*Exercise brief*. Extract the first line through the line containing "#163=IFCRELAGGREGATES('0000000000000000000017',$,$,$,#8,(#16));" from the listing below, exactly as written.
── Task input ──
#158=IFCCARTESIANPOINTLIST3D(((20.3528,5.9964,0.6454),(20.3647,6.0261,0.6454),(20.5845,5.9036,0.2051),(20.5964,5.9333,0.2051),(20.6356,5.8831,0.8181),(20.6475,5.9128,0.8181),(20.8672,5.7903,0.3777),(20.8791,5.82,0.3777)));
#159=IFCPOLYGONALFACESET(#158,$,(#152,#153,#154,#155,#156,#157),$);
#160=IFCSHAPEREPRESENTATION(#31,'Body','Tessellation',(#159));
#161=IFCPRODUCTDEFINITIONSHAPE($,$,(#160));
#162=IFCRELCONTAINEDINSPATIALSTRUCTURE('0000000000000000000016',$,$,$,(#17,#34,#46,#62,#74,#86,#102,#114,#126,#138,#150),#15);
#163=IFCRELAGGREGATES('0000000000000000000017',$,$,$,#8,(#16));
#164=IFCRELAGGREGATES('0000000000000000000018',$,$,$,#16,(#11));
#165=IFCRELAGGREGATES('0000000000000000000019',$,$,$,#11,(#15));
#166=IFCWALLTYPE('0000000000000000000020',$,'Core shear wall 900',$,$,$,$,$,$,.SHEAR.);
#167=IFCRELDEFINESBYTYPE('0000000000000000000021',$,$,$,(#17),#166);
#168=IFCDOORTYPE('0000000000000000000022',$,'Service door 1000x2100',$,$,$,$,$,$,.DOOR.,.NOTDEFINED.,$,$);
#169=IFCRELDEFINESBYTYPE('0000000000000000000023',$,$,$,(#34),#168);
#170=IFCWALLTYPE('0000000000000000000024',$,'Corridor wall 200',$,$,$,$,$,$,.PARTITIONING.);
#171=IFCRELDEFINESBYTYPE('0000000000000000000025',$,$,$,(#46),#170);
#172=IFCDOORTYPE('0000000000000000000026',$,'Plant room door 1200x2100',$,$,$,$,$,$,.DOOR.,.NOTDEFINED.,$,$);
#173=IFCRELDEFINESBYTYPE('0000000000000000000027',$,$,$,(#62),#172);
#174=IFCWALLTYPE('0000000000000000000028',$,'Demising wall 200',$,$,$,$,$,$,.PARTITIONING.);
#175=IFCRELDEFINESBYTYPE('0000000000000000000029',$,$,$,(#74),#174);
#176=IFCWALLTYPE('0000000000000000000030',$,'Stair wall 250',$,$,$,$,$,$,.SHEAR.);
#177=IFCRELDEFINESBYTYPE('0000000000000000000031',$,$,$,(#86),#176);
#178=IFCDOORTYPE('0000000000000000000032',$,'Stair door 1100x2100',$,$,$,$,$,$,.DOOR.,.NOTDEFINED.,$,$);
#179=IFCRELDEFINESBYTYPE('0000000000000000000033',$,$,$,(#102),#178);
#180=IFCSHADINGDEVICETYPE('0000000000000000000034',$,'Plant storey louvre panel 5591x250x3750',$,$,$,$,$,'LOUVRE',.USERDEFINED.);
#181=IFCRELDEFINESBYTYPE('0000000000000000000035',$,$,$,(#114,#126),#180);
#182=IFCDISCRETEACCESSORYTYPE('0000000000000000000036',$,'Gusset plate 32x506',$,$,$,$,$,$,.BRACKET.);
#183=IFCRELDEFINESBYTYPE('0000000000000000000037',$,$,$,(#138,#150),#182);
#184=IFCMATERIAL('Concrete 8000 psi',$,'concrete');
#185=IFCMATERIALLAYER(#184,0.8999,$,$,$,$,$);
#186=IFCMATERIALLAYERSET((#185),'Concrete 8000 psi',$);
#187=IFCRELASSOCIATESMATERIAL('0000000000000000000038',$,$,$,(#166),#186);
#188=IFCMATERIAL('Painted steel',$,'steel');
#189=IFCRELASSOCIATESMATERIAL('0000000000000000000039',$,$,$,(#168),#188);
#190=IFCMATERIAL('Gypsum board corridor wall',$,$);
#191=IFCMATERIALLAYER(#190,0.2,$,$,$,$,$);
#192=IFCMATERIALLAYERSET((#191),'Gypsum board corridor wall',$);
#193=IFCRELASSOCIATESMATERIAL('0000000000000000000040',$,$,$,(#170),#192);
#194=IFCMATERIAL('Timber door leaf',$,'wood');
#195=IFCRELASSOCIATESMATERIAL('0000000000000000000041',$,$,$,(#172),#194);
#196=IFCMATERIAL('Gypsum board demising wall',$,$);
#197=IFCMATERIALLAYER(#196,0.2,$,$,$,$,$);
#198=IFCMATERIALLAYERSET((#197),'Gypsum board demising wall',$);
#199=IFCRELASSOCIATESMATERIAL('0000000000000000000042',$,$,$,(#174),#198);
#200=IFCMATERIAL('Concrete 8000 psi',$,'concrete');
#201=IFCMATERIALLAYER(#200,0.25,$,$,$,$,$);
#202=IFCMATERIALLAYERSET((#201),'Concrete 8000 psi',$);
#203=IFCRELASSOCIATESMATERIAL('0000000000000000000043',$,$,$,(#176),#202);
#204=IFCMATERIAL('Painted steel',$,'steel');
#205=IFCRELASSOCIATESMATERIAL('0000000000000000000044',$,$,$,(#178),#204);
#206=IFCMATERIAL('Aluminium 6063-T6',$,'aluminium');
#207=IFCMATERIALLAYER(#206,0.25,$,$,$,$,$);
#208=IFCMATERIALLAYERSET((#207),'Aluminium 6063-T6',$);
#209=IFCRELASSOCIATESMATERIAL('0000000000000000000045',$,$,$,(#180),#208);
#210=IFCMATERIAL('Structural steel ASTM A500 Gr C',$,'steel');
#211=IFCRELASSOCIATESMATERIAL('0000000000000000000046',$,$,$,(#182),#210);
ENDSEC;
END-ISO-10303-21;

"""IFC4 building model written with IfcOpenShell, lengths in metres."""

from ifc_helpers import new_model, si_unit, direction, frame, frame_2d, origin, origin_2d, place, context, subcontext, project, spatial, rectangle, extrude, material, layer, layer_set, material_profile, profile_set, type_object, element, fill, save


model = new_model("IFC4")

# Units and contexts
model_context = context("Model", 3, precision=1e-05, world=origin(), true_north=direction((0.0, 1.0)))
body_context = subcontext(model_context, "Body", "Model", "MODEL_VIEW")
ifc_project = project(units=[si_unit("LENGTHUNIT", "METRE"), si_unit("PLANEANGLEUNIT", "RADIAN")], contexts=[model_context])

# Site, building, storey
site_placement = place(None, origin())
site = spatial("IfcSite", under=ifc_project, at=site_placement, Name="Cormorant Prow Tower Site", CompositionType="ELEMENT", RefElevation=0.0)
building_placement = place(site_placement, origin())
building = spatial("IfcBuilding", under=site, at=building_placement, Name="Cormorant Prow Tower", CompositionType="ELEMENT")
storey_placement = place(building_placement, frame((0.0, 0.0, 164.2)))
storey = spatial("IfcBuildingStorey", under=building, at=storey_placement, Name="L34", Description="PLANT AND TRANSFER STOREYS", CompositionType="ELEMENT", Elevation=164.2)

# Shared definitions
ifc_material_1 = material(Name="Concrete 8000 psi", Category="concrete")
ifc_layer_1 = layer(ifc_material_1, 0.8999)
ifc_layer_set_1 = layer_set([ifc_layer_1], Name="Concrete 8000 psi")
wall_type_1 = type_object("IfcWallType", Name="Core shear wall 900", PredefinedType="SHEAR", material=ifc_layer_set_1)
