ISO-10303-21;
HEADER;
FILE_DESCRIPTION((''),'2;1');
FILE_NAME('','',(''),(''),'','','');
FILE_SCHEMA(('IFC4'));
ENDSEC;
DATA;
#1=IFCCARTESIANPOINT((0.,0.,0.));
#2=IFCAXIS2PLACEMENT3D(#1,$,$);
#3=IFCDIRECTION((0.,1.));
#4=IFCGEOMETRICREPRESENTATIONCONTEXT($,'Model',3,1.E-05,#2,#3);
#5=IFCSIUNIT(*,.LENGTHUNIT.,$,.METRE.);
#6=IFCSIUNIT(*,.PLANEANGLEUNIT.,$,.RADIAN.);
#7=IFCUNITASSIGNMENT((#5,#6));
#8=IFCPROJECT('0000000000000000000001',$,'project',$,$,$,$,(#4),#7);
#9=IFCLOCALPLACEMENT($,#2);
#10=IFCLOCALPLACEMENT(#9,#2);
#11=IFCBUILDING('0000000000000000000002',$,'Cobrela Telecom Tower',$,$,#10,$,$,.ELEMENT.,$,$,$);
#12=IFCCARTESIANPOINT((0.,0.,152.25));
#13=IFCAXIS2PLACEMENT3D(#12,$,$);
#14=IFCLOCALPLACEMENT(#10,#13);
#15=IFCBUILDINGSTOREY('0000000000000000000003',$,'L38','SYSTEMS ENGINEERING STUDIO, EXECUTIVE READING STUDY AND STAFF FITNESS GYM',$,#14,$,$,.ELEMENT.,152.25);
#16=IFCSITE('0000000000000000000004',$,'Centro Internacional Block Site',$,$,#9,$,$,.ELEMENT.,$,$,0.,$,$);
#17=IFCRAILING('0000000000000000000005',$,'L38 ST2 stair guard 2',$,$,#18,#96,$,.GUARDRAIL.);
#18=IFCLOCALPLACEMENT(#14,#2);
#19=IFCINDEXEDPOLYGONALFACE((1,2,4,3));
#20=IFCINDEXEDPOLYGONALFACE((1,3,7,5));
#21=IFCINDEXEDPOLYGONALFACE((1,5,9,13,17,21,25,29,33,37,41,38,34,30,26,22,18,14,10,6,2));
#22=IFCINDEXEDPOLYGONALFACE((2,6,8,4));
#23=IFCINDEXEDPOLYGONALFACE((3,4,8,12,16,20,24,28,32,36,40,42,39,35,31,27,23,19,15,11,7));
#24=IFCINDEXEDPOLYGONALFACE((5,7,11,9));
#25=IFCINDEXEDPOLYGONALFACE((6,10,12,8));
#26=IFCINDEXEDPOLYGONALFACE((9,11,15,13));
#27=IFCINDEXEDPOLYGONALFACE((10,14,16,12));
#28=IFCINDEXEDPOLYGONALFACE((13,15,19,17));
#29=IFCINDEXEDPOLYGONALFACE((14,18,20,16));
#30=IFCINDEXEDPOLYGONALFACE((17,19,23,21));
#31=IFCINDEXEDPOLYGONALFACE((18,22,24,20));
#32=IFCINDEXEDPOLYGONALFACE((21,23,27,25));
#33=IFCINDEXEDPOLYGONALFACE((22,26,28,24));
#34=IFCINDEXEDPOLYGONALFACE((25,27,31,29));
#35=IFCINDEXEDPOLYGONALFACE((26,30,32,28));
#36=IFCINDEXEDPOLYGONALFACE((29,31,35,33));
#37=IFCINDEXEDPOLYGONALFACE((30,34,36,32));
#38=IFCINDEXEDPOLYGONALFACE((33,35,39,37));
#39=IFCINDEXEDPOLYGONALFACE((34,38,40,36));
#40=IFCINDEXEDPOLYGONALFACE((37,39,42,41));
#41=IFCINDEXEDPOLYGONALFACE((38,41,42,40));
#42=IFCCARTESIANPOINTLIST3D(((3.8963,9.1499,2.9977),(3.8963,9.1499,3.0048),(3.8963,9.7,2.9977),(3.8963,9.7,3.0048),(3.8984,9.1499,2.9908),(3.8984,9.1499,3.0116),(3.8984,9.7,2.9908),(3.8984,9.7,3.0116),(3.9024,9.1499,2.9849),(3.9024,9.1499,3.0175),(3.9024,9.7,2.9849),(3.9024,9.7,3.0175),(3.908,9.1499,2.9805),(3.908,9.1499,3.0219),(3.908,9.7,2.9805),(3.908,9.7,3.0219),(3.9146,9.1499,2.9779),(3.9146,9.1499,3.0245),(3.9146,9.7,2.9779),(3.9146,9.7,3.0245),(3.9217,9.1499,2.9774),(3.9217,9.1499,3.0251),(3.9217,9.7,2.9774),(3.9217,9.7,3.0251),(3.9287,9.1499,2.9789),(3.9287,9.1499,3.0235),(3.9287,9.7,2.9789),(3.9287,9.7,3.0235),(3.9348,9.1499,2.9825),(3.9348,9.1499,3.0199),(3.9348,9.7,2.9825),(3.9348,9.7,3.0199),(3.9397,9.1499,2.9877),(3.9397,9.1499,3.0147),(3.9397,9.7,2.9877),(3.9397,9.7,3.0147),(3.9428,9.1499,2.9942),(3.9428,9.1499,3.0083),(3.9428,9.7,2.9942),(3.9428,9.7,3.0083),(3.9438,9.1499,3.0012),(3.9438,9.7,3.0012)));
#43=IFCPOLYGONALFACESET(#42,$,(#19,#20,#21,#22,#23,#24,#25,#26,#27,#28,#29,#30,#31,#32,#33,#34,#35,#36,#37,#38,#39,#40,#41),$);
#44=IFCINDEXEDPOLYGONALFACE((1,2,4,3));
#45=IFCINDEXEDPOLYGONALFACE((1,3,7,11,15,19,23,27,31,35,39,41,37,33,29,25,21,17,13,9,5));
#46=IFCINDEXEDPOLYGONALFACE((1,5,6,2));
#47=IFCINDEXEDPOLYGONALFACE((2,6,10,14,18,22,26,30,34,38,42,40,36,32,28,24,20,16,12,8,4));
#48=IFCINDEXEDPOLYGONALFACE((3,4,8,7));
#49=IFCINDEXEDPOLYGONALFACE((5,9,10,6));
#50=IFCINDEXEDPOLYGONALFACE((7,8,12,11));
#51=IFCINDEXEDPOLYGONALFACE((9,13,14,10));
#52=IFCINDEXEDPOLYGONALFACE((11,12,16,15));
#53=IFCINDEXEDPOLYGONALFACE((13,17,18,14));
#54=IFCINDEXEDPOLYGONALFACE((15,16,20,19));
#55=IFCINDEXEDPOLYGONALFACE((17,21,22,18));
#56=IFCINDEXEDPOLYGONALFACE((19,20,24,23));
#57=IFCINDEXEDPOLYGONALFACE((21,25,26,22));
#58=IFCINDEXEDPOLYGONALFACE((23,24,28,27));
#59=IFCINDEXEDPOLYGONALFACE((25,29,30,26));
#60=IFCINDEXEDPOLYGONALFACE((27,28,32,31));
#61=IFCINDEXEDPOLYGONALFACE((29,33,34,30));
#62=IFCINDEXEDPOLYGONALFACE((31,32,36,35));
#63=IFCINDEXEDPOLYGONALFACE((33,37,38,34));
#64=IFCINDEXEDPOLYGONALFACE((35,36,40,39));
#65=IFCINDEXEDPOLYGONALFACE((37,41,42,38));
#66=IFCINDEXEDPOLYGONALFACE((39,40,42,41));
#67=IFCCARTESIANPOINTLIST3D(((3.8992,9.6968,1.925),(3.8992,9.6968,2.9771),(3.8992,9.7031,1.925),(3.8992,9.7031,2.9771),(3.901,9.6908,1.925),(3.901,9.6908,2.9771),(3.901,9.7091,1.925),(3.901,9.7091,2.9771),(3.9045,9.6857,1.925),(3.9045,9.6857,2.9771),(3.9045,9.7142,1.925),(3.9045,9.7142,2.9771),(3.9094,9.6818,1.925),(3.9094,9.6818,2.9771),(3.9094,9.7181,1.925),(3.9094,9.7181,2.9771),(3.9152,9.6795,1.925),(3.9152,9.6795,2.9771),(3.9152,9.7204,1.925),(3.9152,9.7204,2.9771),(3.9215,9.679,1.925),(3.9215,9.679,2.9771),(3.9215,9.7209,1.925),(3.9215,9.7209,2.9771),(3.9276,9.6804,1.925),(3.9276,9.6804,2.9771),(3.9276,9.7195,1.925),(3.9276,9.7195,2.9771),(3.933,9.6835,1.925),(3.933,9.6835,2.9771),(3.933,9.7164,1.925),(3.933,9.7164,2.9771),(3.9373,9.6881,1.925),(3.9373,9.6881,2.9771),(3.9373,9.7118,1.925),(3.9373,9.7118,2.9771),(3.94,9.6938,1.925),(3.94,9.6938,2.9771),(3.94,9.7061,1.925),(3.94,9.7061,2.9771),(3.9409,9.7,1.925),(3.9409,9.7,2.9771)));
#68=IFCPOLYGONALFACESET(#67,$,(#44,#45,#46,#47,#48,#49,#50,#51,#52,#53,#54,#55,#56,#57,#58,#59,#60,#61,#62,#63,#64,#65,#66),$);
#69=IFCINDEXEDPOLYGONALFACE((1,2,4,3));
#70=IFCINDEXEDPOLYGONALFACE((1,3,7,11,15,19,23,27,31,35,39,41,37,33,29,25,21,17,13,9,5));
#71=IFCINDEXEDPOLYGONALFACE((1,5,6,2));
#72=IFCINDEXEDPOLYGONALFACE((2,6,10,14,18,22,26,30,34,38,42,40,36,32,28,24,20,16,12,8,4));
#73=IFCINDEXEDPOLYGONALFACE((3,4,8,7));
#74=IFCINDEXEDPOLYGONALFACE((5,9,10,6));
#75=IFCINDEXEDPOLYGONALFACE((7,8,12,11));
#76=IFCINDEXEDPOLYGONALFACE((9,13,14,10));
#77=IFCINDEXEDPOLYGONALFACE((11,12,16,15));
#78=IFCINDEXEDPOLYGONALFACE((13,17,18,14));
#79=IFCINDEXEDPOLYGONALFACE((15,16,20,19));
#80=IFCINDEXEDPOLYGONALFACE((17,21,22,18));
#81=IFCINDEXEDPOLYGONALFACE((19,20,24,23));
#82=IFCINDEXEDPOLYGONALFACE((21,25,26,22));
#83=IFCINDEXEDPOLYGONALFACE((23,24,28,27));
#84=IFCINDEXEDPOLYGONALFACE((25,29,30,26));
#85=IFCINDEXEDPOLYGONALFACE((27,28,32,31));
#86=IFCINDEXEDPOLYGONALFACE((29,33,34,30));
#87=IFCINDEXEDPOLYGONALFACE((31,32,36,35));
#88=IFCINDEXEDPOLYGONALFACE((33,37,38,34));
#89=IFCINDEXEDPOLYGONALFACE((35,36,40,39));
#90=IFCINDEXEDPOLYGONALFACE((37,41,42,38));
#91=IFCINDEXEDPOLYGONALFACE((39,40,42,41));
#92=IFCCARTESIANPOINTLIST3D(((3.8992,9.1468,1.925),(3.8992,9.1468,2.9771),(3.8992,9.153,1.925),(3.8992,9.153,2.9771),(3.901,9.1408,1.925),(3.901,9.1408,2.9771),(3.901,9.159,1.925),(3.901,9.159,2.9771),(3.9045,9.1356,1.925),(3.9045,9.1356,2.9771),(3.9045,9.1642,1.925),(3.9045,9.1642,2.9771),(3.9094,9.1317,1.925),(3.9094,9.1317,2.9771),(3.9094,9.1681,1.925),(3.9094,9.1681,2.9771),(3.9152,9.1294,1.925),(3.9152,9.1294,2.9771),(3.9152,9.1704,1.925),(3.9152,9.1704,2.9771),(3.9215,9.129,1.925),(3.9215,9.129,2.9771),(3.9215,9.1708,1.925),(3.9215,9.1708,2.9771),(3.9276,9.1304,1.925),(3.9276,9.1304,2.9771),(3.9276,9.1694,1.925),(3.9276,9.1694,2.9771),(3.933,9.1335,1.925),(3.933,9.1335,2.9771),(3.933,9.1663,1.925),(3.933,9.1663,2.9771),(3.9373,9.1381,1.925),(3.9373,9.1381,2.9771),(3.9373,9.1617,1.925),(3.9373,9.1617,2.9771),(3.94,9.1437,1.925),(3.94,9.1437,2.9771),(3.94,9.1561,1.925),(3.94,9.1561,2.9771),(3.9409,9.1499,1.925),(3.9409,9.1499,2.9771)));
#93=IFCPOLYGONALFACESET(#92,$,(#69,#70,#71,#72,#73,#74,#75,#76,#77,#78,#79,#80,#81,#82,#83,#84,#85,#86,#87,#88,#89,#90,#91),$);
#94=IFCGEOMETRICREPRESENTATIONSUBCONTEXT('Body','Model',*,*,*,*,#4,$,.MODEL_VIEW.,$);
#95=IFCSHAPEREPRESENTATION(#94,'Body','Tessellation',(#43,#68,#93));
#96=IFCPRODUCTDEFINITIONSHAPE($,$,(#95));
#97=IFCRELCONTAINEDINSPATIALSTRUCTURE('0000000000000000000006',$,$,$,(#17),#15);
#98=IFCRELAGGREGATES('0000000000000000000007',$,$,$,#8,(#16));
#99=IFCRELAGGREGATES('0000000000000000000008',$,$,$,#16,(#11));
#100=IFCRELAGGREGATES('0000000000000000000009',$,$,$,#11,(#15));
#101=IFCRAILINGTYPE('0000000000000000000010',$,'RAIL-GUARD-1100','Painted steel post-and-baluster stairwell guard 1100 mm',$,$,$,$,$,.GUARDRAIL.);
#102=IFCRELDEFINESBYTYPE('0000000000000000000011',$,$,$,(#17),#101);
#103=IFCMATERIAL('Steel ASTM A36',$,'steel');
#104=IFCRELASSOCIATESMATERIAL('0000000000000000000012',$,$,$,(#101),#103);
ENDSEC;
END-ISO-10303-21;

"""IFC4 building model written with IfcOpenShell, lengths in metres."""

from ifc_helpers import new_model, si_unit, direction, frame, origin, origin_2d, place, context, subcontext, project, spatial, circle, extrude, material, type_object, element, save


model = new_model("IFC4")

# Units and contexts
model_context = context("Model", 3, precision=1e-05, world=origin(), true_north=direction((0.0, 1.0)))
body_context = subcontext(model_context, "Body", "Model", "MODEL_VIEW")
ifc_project = project(units=[si_unit("LENGTHUNIT", "METRE"), si_unit("PLANEANGLEUNIT", "RADIAN")], contexts=[model_context])

# Site, building, storey
site_placement = place(None, origin())
site = spatial("IfcSite", under=ifc_project, at=site_placement, Name="Centro Internacional Block Site", CompositionType="ELEMENT", RefElevation=0.0)
building_placement = place(site_placement, origin())
building = spatial("IfcBuilding", under=site, at=building_placement, Name="Cobrela Telecom Tower", CompositionType="ELEMENT")
storey_placement = place(building_placement, frame((0.0, 0.0, 152.25)))
storey = spatial("IfcBuildingStorey", under=building, at=storey_placement, Name="L38", Description="SYSTEMS ENGINEERING STUDIO, EXECUTIVE READING STUDY AND STAFF FITNESS GYM", CompositionType="ELEMENT", Elevation=152.25)

# Shared definitions
ifc_material_1 = material(Name="Steel ASTM A36", Category="steel")

# Railing
railing_type_1 = type_object("IfcRailingType", Name="RAIL-GUARD-1100", Description="Painted steel post-and-baluster stairwell guard 1100 mm", PredefinedType="GUARDRAIL", material=ifc_material_1)
railing_1_placement = place(storey_placement, frame((3.9199, 9.7, 1.925)))
element("IfcRailing", 1, at=railing_1_placement, inside=storey, type_object=railing_type_1, Name="L38 ST2 stair guard 2", PredefinedType="GUARDRAIL", context=body_context, shape_type="SweptSolid", body=[
    extrude(circle(Radius=0.0239, at=origin_2d()), frame((0.0, 0.0, 1.0762), z_axis=(0.0, -1.0, 0.0), x_axis=(1.0, 0.0, 0.0)), (0.0, 0.0, 1.0), 0.55),
    extrude(circle(Radius=0.021, at=origin_2d()), origin(), (0.0, 0.0, 1.0), 1.052),
    extrude(circle(Radius=0.021, at=origin_2d()), frame((0.0, -0.55, 0.0)), (0.0, 0.0, 1.0), 1.052),
])

save(model, "model.ifc")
───
*Output below*.
#158=IFCCARTESIANPOINTLIST3D(((20.3528,5.9964,0.6454),(20.3647,6.0261,0.6454),(20.5845,5.9036,0.2051),(20.5964,5.9333,0.2051),(20.6356,5.8831,0.8181),(20.6475,5.9128,0.8181),(20.8672,5.7903,0.3777),(20.8791,5.82,0.3777)));
#159=IFCPOLYGONALFACESET(#158,$,(#152,#153,#154,#155,#156,#157),$);
#160=IFCSHAPEREPRESENTATION(#31,'Body','Tessellation',(#159));
#161=IFCPRODUCTDEFINITIONSHAPE($,$,(#160));
#162=IFCRELCONTAINEDINSPATIALSTRUCTURE('0000000000000000000016',$,$,$,(#17,#34,#46,#62,#74,#86,#102,#114,#126,#138,#150),#15);
#163=IFCRELAGGREGATES('0000000000000000000017',$,$,$,#8,(#16));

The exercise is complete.